**Exercise goal**
Only the number is requested. Tally the lines of the data that hold the string "facing".
── Data provided ──
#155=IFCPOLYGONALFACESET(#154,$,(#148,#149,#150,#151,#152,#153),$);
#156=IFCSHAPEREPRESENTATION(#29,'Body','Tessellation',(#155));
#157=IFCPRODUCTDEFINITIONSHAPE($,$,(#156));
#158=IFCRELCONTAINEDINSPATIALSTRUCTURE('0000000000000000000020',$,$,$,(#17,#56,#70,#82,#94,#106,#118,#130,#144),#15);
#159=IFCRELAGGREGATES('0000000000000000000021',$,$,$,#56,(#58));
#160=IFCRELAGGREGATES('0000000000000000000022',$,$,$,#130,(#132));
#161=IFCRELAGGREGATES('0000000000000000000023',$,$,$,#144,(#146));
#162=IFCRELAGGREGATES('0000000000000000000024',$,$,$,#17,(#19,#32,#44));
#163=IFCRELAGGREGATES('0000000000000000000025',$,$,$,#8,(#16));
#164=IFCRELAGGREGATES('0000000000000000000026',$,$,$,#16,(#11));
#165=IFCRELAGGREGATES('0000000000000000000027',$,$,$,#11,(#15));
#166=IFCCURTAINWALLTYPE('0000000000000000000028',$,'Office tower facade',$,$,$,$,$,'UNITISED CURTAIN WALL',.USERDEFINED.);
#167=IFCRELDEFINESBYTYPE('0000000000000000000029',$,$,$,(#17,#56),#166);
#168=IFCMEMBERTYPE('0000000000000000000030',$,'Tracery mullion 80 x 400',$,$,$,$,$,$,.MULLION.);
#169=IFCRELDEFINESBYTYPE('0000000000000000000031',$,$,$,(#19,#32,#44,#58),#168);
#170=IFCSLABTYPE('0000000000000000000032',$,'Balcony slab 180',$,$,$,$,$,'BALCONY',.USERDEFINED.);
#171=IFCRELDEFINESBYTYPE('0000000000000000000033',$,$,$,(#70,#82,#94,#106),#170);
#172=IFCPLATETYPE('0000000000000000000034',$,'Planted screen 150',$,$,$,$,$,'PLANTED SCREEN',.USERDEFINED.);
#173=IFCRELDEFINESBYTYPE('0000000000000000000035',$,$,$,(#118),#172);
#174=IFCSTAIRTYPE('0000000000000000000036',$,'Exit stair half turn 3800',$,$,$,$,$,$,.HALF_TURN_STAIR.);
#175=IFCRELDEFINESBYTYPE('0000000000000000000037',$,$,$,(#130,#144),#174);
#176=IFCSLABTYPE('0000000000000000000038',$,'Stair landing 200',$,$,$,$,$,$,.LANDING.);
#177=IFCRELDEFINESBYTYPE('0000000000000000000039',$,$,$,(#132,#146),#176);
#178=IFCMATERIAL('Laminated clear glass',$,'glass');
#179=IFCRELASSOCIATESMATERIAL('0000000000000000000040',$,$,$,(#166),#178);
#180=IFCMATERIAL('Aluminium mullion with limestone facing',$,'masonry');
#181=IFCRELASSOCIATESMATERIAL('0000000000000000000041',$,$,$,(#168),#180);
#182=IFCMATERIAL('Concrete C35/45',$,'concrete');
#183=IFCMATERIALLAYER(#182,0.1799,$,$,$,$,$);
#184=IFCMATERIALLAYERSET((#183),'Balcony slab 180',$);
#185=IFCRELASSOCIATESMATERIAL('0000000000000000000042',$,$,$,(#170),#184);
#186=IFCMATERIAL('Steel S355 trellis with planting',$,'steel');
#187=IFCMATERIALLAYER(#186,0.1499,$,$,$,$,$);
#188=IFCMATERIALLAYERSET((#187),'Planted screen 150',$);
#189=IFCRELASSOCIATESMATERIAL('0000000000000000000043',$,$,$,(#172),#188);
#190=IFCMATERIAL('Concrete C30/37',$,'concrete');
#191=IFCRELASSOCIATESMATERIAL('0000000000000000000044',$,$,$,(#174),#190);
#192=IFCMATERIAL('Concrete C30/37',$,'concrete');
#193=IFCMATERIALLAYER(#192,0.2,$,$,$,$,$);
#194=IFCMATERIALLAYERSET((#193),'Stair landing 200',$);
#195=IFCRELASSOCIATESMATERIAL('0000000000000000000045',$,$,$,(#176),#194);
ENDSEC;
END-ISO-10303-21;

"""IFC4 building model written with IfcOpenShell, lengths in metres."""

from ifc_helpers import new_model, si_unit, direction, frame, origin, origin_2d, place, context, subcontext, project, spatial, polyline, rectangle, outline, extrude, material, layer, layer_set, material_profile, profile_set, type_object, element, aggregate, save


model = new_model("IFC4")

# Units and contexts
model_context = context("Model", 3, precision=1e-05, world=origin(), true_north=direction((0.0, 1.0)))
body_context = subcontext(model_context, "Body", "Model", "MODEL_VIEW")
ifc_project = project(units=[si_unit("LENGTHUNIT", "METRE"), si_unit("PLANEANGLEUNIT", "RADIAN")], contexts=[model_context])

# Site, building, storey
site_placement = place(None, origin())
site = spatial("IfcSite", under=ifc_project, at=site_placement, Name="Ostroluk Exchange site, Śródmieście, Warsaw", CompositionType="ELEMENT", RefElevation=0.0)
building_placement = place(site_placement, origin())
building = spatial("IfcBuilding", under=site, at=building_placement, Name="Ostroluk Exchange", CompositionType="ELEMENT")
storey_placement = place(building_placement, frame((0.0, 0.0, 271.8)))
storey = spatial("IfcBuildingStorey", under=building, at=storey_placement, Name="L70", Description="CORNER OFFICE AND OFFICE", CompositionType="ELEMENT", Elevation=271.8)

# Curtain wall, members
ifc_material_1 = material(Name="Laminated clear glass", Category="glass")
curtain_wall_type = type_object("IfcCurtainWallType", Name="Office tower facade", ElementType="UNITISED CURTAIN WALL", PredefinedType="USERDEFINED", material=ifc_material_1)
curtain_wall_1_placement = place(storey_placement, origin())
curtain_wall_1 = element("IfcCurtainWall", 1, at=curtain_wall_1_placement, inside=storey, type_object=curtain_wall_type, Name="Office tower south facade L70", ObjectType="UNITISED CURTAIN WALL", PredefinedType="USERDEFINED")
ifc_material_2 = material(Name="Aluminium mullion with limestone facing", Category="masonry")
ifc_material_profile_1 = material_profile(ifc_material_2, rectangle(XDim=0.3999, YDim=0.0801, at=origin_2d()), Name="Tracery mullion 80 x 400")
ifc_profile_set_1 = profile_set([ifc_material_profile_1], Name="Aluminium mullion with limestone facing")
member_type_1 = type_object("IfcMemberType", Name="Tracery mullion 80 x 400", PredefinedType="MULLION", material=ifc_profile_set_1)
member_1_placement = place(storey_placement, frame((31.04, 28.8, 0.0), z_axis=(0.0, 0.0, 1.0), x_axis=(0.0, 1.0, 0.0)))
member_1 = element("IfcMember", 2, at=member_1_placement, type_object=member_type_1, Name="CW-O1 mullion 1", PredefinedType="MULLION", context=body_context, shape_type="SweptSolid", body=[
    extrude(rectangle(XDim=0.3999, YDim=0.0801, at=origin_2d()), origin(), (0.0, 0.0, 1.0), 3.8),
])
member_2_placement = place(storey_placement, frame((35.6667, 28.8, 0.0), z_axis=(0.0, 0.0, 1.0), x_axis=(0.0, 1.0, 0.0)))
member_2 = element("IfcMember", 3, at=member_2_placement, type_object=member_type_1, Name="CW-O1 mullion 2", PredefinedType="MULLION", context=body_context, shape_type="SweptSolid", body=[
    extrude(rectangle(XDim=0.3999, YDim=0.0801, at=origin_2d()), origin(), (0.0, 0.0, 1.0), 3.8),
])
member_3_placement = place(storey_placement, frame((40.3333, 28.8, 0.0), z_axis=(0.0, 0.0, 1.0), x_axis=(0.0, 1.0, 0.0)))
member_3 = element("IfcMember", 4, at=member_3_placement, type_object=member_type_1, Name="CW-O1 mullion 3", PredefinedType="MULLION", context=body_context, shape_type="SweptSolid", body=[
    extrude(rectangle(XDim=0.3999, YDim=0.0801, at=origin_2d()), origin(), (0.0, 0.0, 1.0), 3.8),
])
───
**Response**
3